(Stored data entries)
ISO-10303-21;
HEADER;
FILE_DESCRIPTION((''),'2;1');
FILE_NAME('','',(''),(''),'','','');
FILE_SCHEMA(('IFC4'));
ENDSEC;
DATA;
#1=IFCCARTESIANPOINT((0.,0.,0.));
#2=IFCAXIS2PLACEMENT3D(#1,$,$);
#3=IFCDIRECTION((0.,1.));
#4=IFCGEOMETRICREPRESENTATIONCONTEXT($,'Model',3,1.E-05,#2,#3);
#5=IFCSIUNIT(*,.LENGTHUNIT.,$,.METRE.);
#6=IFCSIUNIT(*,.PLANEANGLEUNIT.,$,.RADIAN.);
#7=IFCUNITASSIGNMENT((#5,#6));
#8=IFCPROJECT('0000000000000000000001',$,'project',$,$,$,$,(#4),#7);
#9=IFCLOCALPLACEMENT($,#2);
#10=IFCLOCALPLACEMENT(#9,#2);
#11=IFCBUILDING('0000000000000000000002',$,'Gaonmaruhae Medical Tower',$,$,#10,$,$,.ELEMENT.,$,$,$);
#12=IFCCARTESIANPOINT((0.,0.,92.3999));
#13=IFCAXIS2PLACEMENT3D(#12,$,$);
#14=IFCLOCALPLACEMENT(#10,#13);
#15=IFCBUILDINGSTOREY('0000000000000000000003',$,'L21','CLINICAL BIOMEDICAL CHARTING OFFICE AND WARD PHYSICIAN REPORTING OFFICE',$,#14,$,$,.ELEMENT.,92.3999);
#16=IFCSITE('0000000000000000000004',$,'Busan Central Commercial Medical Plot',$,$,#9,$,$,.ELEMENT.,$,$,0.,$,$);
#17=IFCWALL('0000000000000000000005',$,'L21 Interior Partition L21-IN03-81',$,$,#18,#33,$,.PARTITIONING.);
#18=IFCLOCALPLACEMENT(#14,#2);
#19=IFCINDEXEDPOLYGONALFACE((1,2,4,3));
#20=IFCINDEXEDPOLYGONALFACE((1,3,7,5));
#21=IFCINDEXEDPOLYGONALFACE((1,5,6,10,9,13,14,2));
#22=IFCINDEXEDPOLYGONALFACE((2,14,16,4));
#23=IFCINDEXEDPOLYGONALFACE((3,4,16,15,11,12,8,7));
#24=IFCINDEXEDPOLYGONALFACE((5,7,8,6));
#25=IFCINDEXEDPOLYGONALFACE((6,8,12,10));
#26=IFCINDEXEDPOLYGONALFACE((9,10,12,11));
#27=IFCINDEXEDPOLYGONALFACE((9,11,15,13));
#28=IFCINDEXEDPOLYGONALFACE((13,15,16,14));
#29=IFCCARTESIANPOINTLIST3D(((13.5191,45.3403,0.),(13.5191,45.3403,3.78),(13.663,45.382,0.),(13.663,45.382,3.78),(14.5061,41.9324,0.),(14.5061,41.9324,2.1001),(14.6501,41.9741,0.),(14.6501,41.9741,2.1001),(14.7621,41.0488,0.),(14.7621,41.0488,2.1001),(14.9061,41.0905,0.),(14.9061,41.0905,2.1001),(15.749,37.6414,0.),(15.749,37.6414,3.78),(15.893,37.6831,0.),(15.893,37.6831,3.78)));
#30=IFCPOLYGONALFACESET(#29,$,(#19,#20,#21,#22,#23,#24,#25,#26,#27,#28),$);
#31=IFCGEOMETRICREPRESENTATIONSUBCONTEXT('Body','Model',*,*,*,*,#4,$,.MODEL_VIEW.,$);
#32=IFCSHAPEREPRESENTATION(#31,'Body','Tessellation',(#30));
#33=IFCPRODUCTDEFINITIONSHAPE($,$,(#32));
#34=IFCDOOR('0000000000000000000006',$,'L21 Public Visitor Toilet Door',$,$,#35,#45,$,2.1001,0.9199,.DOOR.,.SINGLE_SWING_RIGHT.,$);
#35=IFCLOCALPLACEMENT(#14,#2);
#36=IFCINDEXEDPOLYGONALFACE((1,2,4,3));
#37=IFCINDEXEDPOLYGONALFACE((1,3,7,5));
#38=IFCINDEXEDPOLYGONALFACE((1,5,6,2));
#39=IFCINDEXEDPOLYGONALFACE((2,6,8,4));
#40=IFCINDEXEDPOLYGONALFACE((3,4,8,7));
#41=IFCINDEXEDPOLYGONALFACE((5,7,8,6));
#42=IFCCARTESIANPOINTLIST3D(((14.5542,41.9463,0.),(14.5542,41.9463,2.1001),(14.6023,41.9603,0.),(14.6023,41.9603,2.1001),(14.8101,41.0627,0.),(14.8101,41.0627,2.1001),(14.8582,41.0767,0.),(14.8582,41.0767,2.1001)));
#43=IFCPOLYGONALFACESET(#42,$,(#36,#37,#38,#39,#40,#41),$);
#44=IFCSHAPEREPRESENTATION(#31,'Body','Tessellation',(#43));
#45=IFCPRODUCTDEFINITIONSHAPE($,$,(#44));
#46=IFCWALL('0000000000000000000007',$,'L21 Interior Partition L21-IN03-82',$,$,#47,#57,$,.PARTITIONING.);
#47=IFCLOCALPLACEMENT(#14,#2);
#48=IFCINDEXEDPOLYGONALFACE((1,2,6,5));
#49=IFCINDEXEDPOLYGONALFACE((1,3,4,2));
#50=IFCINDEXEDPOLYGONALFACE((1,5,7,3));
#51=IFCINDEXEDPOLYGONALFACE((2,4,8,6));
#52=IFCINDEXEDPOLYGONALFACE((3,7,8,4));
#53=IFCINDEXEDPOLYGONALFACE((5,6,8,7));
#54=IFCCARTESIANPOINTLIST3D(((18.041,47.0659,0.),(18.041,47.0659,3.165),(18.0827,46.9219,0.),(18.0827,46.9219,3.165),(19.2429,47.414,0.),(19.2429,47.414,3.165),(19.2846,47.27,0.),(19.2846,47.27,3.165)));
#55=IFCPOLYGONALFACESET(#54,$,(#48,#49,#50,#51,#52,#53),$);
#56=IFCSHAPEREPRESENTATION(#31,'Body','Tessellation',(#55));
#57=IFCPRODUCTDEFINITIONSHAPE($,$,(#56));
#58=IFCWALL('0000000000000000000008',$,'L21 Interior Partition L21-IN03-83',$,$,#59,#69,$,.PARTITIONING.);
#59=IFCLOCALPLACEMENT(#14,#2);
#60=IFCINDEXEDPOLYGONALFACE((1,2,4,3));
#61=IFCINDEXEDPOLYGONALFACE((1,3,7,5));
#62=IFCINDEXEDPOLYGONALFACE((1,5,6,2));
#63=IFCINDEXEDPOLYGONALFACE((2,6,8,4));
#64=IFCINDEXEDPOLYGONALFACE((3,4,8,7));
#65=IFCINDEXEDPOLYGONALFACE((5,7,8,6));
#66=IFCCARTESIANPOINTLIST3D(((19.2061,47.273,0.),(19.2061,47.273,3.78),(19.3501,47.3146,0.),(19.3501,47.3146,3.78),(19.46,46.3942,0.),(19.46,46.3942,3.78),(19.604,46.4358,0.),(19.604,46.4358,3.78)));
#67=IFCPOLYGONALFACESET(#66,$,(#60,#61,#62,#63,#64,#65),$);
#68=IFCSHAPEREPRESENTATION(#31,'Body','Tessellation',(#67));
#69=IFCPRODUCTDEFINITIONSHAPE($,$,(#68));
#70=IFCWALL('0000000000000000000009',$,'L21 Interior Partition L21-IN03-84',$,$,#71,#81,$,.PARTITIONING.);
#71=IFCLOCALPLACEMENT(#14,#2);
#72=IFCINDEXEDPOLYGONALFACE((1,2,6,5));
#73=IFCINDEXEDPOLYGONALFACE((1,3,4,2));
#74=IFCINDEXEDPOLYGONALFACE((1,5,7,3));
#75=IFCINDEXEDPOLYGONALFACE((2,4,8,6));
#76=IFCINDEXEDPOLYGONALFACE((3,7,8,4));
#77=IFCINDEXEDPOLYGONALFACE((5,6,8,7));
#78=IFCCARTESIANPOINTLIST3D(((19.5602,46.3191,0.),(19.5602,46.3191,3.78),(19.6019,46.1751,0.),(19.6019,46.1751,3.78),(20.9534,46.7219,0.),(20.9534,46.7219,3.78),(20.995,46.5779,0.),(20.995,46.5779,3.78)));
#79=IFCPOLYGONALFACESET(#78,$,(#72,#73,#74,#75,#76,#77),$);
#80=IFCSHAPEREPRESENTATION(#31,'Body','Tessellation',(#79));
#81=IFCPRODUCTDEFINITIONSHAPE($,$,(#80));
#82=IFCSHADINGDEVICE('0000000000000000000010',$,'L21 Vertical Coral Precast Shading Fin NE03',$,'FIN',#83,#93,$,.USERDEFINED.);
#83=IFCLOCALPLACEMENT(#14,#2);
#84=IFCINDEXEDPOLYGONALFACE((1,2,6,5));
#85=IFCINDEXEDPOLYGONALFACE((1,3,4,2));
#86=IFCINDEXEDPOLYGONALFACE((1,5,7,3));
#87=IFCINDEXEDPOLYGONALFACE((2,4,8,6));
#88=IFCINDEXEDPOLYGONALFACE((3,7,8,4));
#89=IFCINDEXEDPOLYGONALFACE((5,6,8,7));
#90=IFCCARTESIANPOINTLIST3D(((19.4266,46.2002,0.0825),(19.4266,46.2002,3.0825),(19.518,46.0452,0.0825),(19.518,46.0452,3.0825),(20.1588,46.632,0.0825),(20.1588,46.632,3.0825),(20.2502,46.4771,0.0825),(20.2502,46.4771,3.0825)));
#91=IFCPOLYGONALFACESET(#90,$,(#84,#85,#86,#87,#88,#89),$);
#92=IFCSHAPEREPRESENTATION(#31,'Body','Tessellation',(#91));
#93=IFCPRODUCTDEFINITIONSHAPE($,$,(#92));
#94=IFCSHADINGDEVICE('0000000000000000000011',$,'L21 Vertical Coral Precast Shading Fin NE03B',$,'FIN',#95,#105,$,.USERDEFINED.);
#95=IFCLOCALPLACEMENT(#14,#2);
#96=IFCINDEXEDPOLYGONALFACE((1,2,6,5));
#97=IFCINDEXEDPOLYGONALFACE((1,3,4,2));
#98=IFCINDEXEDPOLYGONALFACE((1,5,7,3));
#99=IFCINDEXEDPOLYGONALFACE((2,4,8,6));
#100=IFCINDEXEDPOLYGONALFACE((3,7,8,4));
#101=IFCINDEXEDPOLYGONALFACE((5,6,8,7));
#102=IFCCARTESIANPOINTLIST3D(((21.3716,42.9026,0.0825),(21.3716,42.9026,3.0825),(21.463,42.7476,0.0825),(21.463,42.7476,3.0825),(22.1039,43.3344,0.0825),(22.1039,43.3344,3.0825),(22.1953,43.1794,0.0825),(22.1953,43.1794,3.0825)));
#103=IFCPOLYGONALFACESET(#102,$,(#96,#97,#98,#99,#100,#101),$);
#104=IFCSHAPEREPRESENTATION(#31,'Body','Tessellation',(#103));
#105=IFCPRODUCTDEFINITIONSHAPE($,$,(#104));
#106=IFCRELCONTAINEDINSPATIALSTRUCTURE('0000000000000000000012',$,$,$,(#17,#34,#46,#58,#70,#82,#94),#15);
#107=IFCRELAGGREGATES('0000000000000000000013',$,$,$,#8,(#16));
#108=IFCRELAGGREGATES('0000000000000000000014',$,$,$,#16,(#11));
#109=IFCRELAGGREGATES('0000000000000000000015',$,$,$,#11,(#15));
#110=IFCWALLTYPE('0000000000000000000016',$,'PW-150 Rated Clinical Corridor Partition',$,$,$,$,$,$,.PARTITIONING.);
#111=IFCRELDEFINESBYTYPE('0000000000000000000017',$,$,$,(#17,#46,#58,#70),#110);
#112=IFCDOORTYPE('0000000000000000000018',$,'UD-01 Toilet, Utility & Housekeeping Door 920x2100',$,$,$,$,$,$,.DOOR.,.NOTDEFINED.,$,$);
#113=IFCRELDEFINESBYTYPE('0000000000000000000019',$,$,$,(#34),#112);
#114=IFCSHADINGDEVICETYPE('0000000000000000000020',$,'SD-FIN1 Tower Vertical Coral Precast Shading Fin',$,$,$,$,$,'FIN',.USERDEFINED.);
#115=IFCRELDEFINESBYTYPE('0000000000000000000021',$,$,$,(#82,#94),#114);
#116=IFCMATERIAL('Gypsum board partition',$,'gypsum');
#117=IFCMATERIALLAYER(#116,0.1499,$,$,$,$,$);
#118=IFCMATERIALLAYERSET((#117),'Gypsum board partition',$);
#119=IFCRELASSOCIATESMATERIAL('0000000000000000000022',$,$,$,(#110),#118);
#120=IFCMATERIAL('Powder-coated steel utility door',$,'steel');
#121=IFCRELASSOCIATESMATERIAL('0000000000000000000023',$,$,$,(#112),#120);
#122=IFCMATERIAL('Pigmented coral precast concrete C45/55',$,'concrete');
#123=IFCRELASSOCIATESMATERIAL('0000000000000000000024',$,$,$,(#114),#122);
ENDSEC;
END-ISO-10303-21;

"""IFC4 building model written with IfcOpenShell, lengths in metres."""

from ifc_helpers import new_model, si_unit, direction, frame, frame_2d, origin, origin_2d, place, context, subcontext, project, spatial, rectangle, extrude, material, layer, layer_set, type_object, element, fill, save


model = new_model("IFC4")

# Units and contexts
model_context = context("Model", 3, precision=1e-05, world=origin(), true_north=direction((0.0, 1.0)))
body_context = subcontext(model_context, "Body", "Model", "MODEL_VIEW")
ifc_project = project(units=[si_unit("LENGTHUNIT", "METRE"), si_unit("PLANEANGLEUNIT", "RADIAN")], contexts=[model_context])

# Site, building, storey
site_placement = place(None, origin())
site = spatial("IfcSite", under=ifc_project, at=site_placement, Name="Busan Central Commercial Medical Plot", CompositionType="ELEMENT", RefElevation=0.0)
building_placement = place(site_placement, origin())
building = spatial("IfcBuilding", under=site, at=building_placement, Name="Gaonmaruhae Medical Tower", CompositionType="ELEMENT")
storey_placement = place(building_placement, frame((0.0, 0.0, 92.3999)))
storey = spatial("IfcBuildingStorey", under=building, at=storey_placement, Name="L21", Description="CLINICAL BIOMEDICAL CHARTING OFFICE AND WARD PHYSICIAN REPORTING OFFICE", CompositionType="ELEMENT", Elevation=92.3999)

# Shared definitions
ifc_material_1 = material(Name="Gypsum board partition", Category="gypsum")
ifc_layer_1 = layer(ifc_material_1, 0.1499)
ifc_layer_set_1 = layer_set([ifc_layer_1], Name="Gypsum board partition")
wall_type_1 = type_object("IfcWallType", Name="PW-150 Rated Clinical Corridor Partition", PredefinedType="PARTITIONING", material=ifc_layer_set_1)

What is being asked: A single figure is expected: the count of lines in the data above that include the word "IFCRELAGGREGATES".

Task response: 3